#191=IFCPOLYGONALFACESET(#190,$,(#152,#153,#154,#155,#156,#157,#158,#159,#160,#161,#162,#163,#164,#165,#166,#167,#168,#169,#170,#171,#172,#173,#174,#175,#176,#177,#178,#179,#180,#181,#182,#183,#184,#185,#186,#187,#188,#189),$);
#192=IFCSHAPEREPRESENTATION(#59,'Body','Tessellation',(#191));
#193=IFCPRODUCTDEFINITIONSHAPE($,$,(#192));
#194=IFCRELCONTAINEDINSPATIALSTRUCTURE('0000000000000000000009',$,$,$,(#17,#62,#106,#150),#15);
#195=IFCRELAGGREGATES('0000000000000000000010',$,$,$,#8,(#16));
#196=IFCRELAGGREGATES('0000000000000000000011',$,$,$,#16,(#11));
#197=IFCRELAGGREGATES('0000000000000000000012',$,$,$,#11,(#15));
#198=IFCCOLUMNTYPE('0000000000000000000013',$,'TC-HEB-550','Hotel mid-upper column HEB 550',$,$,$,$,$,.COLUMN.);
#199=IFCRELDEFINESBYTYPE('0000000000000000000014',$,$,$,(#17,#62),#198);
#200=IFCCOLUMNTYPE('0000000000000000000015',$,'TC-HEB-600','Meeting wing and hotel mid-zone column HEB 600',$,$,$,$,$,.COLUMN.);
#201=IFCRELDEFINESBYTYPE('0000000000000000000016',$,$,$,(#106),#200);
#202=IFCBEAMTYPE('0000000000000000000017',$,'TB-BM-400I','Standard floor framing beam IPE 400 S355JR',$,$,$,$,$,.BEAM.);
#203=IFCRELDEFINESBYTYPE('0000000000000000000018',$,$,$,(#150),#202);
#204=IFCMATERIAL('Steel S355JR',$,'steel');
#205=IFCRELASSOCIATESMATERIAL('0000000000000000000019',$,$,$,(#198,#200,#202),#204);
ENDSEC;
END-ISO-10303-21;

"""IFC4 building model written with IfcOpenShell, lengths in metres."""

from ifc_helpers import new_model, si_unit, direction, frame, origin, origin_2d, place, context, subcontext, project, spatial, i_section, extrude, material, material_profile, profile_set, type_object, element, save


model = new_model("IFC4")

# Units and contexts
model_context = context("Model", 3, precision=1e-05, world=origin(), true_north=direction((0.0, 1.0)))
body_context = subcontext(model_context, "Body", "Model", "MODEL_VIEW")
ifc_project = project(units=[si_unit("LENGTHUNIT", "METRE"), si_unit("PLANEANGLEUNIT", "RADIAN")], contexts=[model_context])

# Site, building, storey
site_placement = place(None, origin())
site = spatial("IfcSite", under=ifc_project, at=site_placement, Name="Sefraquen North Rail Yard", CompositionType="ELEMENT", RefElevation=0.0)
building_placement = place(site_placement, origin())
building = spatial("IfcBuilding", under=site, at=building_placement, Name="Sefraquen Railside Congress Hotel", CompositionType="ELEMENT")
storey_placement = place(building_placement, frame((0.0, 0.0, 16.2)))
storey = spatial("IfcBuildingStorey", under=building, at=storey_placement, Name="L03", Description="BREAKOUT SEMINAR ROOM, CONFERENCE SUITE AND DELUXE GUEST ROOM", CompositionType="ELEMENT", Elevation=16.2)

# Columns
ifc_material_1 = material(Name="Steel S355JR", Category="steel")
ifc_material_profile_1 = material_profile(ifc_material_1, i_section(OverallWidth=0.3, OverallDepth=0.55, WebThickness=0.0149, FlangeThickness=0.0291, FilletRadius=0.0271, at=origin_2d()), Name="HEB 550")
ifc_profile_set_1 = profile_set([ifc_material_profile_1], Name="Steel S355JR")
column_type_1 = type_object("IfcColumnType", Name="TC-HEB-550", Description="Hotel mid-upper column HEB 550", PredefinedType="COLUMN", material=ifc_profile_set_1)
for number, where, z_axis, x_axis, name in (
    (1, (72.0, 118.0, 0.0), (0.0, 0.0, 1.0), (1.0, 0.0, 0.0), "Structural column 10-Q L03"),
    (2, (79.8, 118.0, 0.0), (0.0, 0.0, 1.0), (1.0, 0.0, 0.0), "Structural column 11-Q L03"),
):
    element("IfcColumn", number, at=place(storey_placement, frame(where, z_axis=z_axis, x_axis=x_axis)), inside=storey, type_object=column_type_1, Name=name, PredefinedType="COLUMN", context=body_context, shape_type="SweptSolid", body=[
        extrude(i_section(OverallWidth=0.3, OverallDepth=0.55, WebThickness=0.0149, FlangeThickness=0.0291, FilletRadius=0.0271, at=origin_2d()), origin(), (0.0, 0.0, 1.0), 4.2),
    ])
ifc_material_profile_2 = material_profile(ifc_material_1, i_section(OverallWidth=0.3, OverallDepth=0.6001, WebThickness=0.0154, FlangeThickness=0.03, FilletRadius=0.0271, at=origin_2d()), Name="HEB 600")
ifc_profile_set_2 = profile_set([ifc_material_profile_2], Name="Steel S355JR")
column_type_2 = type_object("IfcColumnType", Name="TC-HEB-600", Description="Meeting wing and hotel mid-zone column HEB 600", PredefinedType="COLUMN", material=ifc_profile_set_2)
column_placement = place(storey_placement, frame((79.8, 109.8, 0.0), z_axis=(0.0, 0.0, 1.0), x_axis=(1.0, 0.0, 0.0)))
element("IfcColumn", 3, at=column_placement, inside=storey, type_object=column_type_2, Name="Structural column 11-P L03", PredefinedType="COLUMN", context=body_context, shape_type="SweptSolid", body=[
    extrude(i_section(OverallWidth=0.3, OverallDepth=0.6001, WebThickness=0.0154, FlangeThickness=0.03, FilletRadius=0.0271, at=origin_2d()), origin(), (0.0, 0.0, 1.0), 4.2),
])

+++

Each entry in the data should be restated exactly as it was written.

## RESPONSE AREA
#191=IFCPOLYGONALFACESET(#190,$,(#152,#153,#154,#155,#156,#157,#158,#159,#160,#161,#162,#163,#164,#165,#166,#167,#168,#169,#170,#171,#172,#173,#174,#175,#176,#177,#178,#179,#180,#181,#182,#183,#184,#185,#186,#187,#188,#189),$);
#192=IFCSHAPEREPRESENTATION(#59,'Body','Tessellation',(#191));
#193=IFCPRODUCTDEFINITIONSHAPE($,$,(#192));
#194=IFCRELCONTAINEDINSPATIALSTRUCTURE('0000000000000000000009',$,$,$,(#17,#62,#106,#150),#15);
#195=IFCRELAGGREGATES('0000000000000000000010',$,$,$,#8,(#16));
#196=IFCRELAGGREGATES('0000000000000000000011',$,$,$,#16,(#11));
#197=IFCRELAGGREGATES('0000000000000000000012',$,$,$,#11,(#15));
#198=IFCCOLUMNTYPE('0000000000000000000013',$,'TC-HEB-550','Hotel mid-upper column HEB 550',$,$,$,$,$,.COLUMN.);
#199=IFCRELDEFINESBYTYPE('0000000000000000000014',$,$,$,(#17,#62),#198);
#200=IFCCOLUMNTYPE('0000000000000000000015',$,'TC-HEB-600','Meeting wing and hotel mid-zone column HEB 600',$,$,$,$,$,.COLUMN.);
#201=IFCRELDEFINESBYTYPE('0000000000000000000016',$,$,$,(#106),#200);
#202=IFCBEAMTYPE('0000000000000000000017',$,'TB-BM-400I','Standard floor framing beam IPE 400 S355JR',$,$,$,$,$,.BEAM.);
#203=IFCRELDEFINESBYTYPE('0000000000000000000018',$,$,$,(#150),#202);
#204=IFCMATERIAL('Steel S355JR',$,'steel');
#205=IFCRELASSOCIATESMATERIAL('0000000000000000000019',$,$,$,(#198,#200,#202),#204);
ENDSEC;
END-ISO-10303-21;

"""IFC4 building model written with IfcOpenShell, lengths in metres."""

from ifc_helpers import new_model, si_unit, direction, frame, origin, origin_2d, place, context, subcontext, project, spatial, i_section, extrude, material, material_profile, profile_set, type_object, element, save


model = new_model("IFC4")

# Units and contexts
model_context = context("Model", 3, precision=1e-05, world=origin(), true_north=direction((0.0, 1.0)))
body_context = subcontext(model_context, "Body", "Model", "MODEL_VIEW")
ifc_project = project(units=[si_unit("LENGTHUNIT", "METRE"), si_unit("PLANEANGLEUNIT", "RADIAN")], contexts=[model_context])

# Site, building, storey
site_placement = place(None, origin())
site = spatial("IfcSite", under=ifc_project, at=site_placement, Name="Sefraquen North Rail Yard", CompositionType="ELEMENT", RefElevation=0.0)
building_placement = place(site_placement, origin())
building = spatial("IfcBuilding", under=site, at=building_placement, Name="Sefraquen Railside Congress Hotel", CompositionType="ELEMENT")
storey_placement = place(building_placement, frame((0.0, 0.0, 16.2)))
storey = spatial("IfcBuildingStorey", under=building, at=storey_placement, Name="L03", Description="BREAKOUT SEMINAR ROOM, CONFERENCE SUITE AND DELUXE GUEST ROOM", CompositionType="ELEMENT", Elevation=16.2)

# Columns
ifc_material_1 = material(Name="Steel S355JR", Category="steel")
ifc_material_profile_1 = material_profile(ifc_material_1, i_section(OverallWidth=0.3, OverallDepth=0.55, WebThickness=0.0149, FlangeThickness=0.0291, FilletRadius=0.0271, at=origin_2d()), Name="HEB 550")
ifc_profile_set_1 = profile_set([ifc_material_profile_1], Name="Steel S355JR")
column_type_1 = type_object("IfcColumnType", Name="TC-HEB-550", Description="Hotel mid-upper column HEB 550", PredefinedType="COLUMN", material=ifc_profile_set_1)
for number, where, z_axis, x_axis, name in (
    (1, (72.0, 118.0, 0.0), (0.0, 0.0, 1.0), (1.0, 0.0, 0.0), "Structural column 10-Q L03"),
    (2, (79.8, 118.0, 0.0), (0.0, 0.0, 1.0), (1.0, 0.0, 0.0), "Structural column 11-Q L03"),
):
    element("IfcColumn", number, at=place(storey_placement, frame(where, z_axis=z_axis, x_axis=x_axis)), inside=storey, type_object=column_type_1, Name=name, PredefinedType="COLUMN", context=body_context, shape_type="SweptSolid", body=[
        extrude(i_section(OverallWidth=0.3, OverallDepth=0.55, WebThickness=0.0149, FlangeThickness=0.0291, FilletRadius=0.0271, at=origin_2d()), origin(), (0.0, 0.0, 1.0), 4.2),
    ])
ifc_material_profile_2 = material_profile(ifc_material_1, i_section(OverallWidth=0.3, OverallDepth=0.6001, WebThickness=0.0154, FlangeThickness=0.03, FilletRadius=0.0271, at=origin_2d()), Name="HEB 600")
ifc_profile_set_2 = profile_set([ifc_material_profile_2], Name="Steel S355JR")
column_type_2 = type_object("IfcColumnType", Name="TC-HEB-600", Description="Meeting wing and hotel mid-zone column HEB 600", PredefinedType="COLUMN", material=ifc_profile_set_2)
column_placement = place(storey_placement, frame((79.8, 109.8, 0.0), z_axis=(0.0, 0.0, 1.0), x_axis=(1.0, 0.0, 0.0)))
element("IfcColumn", 3, at=column_placement, inside=storey, type_object=column_type_2, Name="Structural column 11-P L03", PredefinedType="COLUMN", context=body_context, shape_type="SweptSolid", body=[
    extrude(i_section(OverallWidth=0.3, OverallDepth=0.6001, WebThickness=0.0154, FlangeThickness=0.03, FilletRadius=0.0271, at=origin_2d()), origin(), (0.0, 0.0, 1.0), 4.2),
])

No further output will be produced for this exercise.